Brief>
Leave every entry as it is and write the data out in full.

Dataset records
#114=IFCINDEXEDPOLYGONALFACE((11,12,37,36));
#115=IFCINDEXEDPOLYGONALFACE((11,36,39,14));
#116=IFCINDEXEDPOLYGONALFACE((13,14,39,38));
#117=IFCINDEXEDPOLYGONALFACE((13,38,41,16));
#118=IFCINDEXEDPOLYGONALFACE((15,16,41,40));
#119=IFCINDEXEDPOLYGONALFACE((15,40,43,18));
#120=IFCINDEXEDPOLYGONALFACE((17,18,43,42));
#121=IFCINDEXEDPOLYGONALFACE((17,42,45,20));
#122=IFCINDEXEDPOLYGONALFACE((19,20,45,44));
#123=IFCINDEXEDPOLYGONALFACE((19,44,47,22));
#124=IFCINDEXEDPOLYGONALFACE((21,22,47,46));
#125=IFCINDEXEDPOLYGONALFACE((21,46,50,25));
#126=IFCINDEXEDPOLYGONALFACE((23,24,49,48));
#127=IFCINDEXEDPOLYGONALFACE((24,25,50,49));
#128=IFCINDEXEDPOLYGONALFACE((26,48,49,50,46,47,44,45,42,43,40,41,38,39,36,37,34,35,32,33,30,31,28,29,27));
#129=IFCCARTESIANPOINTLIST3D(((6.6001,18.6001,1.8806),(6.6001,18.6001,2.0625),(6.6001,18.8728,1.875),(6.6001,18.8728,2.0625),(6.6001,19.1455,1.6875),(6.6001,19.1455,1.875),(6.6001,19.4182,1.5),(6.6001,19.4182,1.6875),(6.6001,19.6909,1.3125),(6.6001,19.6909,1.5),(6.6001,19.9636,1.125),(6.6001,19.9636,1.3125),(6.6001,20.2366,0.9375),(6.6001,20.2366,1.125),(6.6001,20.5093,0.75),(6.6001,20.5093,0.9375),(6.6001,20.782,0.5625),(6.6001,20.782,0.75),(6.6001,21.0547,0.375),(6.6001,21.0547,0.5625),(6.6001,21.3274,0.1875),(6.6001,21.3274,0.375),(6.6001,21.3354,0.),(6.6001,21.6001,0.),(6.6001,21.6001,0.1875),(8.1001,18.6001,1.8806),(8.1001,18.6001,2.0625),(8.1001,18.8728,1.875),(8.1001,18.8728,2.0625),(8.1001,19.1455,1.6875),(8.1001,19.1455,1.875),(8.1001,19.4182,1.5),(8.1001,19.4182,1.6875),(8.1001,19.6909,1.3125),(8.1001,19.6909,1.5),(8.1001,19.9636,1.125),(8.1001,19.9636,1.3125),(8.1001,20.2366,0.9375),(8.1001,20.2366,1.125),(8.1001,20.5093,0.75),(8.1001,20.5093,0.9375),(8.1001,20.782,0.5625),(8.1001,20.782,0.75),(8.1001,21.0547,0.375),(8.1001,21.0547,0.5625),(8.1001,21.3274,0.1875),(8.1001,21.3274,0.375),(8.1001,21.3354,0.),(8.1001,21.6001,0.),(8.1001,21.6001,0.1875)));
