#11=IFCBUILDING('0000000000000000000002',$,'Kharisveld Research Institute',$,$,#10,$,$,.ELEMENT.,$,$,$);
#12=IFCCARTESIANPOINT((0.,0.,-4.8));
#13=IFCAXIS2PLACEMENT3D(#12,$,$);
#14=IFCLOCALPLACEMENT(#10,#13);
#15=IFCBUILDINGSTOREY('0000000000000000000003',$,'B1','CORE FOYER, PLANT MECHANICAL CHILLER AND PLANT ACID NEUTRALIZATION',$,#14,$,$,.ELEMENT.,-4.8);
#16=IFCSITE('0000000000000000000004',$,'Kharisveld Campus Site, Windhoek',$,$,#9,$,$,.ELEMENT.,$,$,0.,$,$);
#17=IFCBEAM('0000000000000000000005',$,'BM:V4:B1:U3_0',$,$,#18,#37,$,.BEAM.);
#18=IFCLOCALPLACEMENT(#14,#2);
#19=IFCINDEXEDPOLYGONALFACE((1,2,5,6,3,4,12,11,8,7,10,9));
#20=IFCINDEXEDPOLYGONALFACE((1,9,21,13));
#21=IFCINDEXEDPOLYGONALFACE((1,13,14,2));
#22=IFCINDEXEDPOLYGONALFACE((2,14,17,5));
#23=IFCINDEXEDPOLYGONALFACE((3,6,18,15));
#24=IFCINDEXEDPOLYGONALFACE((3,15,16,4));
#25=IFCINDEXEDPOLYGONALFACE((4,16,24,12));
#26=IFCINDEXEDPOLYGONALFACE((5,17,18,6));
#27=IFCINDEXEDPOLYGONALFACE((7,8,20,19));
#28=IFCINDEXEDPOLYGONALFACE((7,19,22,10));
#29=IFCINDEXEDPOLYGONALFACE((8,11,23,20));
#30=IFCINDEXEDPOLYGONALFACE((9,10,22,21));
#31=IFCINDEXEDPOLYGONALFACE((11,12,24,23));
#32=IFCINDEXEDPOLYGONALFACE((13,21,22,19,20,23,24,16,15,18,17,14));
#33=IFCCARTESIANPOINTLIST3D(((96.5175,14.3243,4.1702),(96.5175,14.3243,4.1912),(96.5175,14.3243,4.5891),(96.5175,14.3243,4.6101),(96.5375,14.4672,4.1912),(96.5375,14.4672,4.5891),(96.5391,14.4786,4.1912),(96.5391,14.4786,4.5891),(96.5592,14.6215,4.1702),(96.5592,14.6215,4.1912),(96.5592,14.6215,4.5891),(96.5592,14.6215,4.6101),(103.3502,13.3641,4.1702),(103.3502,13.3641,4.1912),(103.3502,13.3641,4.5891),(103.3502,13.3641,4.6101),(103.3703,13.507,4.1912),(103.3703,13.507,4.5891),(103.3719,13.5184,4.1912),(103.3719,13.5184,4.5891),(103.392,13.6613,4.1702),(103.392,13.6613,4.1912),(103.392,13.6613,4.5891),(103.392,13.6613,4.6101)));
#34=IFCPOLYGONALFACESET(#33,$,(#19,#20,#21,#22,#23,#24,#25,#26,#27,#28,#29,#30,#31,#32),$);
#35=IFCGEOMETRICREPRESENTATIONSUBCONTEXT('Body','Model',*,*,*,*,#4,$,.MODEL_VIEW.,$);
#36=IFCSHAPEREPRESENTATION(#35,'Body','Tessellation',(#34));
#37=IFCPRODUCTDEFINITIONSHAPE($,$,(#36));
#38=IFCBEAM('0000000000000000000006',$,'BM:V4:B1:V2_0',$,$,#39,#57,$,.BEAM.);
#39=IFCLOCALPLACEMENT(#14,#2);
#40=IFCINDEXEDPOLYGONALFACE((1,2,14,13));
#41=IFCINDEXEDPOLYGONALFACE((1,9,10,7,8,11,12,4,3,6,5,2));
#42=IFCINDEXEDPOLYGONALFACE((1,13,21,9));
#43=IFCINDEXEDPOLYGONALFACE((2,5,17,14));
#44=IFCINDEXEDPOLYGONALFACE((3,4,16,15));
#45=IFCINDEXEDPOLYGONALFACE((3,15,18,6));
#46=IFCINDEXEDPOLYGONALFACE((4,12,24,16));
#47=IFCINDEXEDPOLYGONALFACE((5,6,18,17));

Result of this exercise>
#114=IFCINDEXEDPOLYGONALFACE((11,12,37,36));
#115=IFCINDEXEDPOLYGONALFACE((11,36,39,14));
#116=IFCINDEXEDPOLYGONALFACE((13,14,39,38));
#117=IFCINDEXEDPOLYGONALFACE((13,38,41,16));
#118=IFCINDEXEDPOLYGONALFACE((15,16,41,40));
#119=IFCINDEXEDPOLYGONALFACE((15,40,43,18));
#120=IFCINDEXEDPOLYGONALFACE((17,18,43,42));
#121=IFCINDEXEDPOLYGONALFACE((17,42,45,20));
#122=IFCINDEXEDPOLYGONALFACE((19,20,45,44));
#123=IFCINDEXEDPOLYGONALFACE((19,44,47,22));
#124=IFCINDEXEDPOLYGONALFACE((21,22,47,46));
#125=IFCINDEXEDPOLYGONALFACE((21,46,50,25));
#126=IFCINDEXEDPOLYGONALFACE((23,24,49,48));
#127=IFCINDEXEDPOLYGONALFACE((24,25,50,49));
#128=IFCINDEXEDPOLYGONALFACE((26,48,49,50,46,47,44,45,42,43,40,41,38,39,36,37,34,35,32,33,30,31,28,29,27));
#129=IFCCARTESIANPOINTLIST3D(((6.6001,18.6001,1.8806),(6.6001,18.6001,2.0625),(6.6001,18.8728,1.875),(6.6001,18.8728,2.0625),(6.6001,19.1455,1.6875),(6.6001,19.1455,1.875),(6.6001,19.4182,1.5),(6.6001,19.4182,1.6875),(6.6001,19.6909,1.3125),(6.6001,19.6909,1.5),(6.6001,19.9636,1.125),(6.6001,19.9636,1.3125),(6.6001,20.2366,0.9375),(6.6001,20.2366,1.125),(6.6001,20.5093,0.75),(6.6001,20.5093,0.9375),(6.6001,20.782,0.5625),(6.6001,20.782,0.75),(6.6001,21.0547,0.375),(6.6001,21.0547,0.5625),(6.6001,21.3274,0.1875),(6.6001,21.3274,0.375),(6.6001,21.3354,0.),(6.6001,21.6001,0.),(6.6001,21.6001,0.1875),(8.1001,18.6001,1.8806),(8.1001,18.6001,2.0625),(8.1001,18.8728,1.875),(8.1001,18.8728,2.0625),(8.1001,19.1455,1.6875),(8.1001,19.1455,1.875),(8.1001,19.4182,1.5),(8.1001,19.4182,1.6875),(8.1001,19.6909,1.3125),(8.1001,19.6909,1.5),(8.1001,19.9636,1.125),(8.1001,19.9636,1.3125),(8.1001,20.2366,0.9375),(8.1001,20.2366,1.125),(8.1001,20.5093,0.75),(8.1001,20.5093,0.9375),(8.1001,20.782,0.5625),(8.1001,20.782,0.75),(8.1001,21.0547,0.375),(8.1001,21.0547,0.5625),(8.1001,21.3274,0.1875),(8.1001,21.3274,0.375),(8.1001,21.3354,0.),(8.1001,21.6001,0.),(8.1001,21.6001,0.1875)));
#11=IFCBUILDING('0000000000000000000002',$,'Kharisveld Research Institute',$,$,#10,$,$,.ELEMENT.,$,$,$);
#12=IFCCARTESIANPOINT((0.,0.,-4.8));
#13=IFCAXIS2PLACEMENT3D(#12,$,$);
#14=IFCLOCALPLACEMENT(#10,#13);
#15=IFCBUILDINGSTOREY('0000000000000000000003',$,'B1','CORE FOYER, PLANT MECHANICAL CHILLER AND PLANT ACID NEUTRALIZATION',$,#14,$,$,.ELEMENT.,-4.8);
#16=IFCSITE('0000000000000000000004',$,'Kharisveld Campus Site, Windhoek',$,$,#9,$,$,.ELEMENT.,$,$,0.,$,$);
#17=IFCBEAM('0000000000000000000005',$,'BM:V4:B1:U3_0',$,$,#18,#37,$,.BEAM.);
#18=IFCLOCALPLACEMENT(#14,#2);
#19=IFCINDEXEDPOLYGONALFACE((1,2,5,6,3,4,12,11,8,7,10,9));
#20=IFCINDEXEDPOLYGONALFACE((1,9,21,13));
#21=IFCINDEXEDPOLYGONALFACE((1,13,14,2));
#22=IFCINDEXEDPOLYGONALFACE((2,14,17,5));
#23=IFCINDEXEDPOLYGONALFACE((3,6,18,15));
#24=IFCINDEXEDPOLYGONALFACE((3,15,16,4));
#25=IFCINDEXEDPOLYGONALFACE((4,16,24,12));
#26=IFCINDEXEDPOLYGONALFACE((5,17,18,6));
#27=IFCINDEXEDPOLYGONALFACE((7,8,20,19));
#28=IFCINDEXEDPOLYGONALFACE((7,19,22,10));
#29=IFCINDEXEDPOLYGONALFACE((8,11,23,20));
#30=IFCINDEXEDPOLYGONALFACE((9,10,22,21));
#31=IFCINDEXEDPOLYGONALFACE((11,12,24,23));
#32=IFCINDEXEDPOLYGONALFACE((13,21,22,19,20,23,24,16,15,18,17,14));
#33=IFCCARTESIANPOINTLIST3D(((96.5175,14.3243,4.1702),(96.5175,14.3243,4.1912),(96.5175,14.3243,4.5891),(96.5175,14.3243,4.6101),(96.5375,14.4672,4.1912),(96.5375,14.4672,4.5891),(96.5391,14.4786,4.1912),(96.5391,14.4786,4.5891),(96.5592,14.6215,4.1702),(96.5592,14.6215,4.1912),(96.5592,14.6215,4.5891),(96.5592,14.6215,4.6101),(103.3502,13.3641,4.1702),(103.3502,13.3641,4.1912),(103.3502,13.3641,4.5891),(103.3502,13.3641,4.6101),(103.3703,13.507,4.1912),(103.3703,13.507,4.5891),(103.3719,13.5184,4.1912),(103.3719,13.5184,4.5891),(103.392,13.6613,4.1702),(103.392,13.6613,4.1912),(103.392,13.6613,4.5891),(103.392,13.6613,4.6101)));
#34=IFCPOLYGONALFACESET(#33,$,(#19,#20,#21,#22,#23,#24,#25,#26,#27,#28,#29,#30,#31,#32),$);
#35=IFCGEOMETRICREPRESENTATIONSUBCONTEXT('Body','Model',*,*,*,*,#4,$,.MODEL_VIEW.,$);
#36=IFCSHAPEREPRESENTATION(#35,'Body','Tessellation',(#34));
#37=IFCPRODUCTDEFINITIONSHAPE($,$,(#36));
#38=IFCBEAM('0000000000000000000006',$,'BM:V4:B1:V2_0',$,$,#39,#57,$,.BEAM.);
#39=IFCLOCALPLACEMENT(#14,#2);
#40=IFCINDEXEDPOLYGONALFACE((1,2,14,13));
#41=IFCINDEXEDPOLYGONALFACE((1,9,10,7,8,11,12,4,3,6,5,2));
#42=IFCINDEXEDPOLYGONALFACE((1,13,21,9));
#43=IFCINDEXEDPOLYGONALFACE((2,5,17,14));
#44=IFCINDEXEDPOLYGONALFACE((3,4,16,15));
#45=IFCINDEXEDPOLYGONALFACE((3,15,18,6));
#46=IFCINDEXEDPOLYGONALFACE((4,12,24,16));
#47=IFCINDEXEDPOLYGONALFACE((5,6,18,17));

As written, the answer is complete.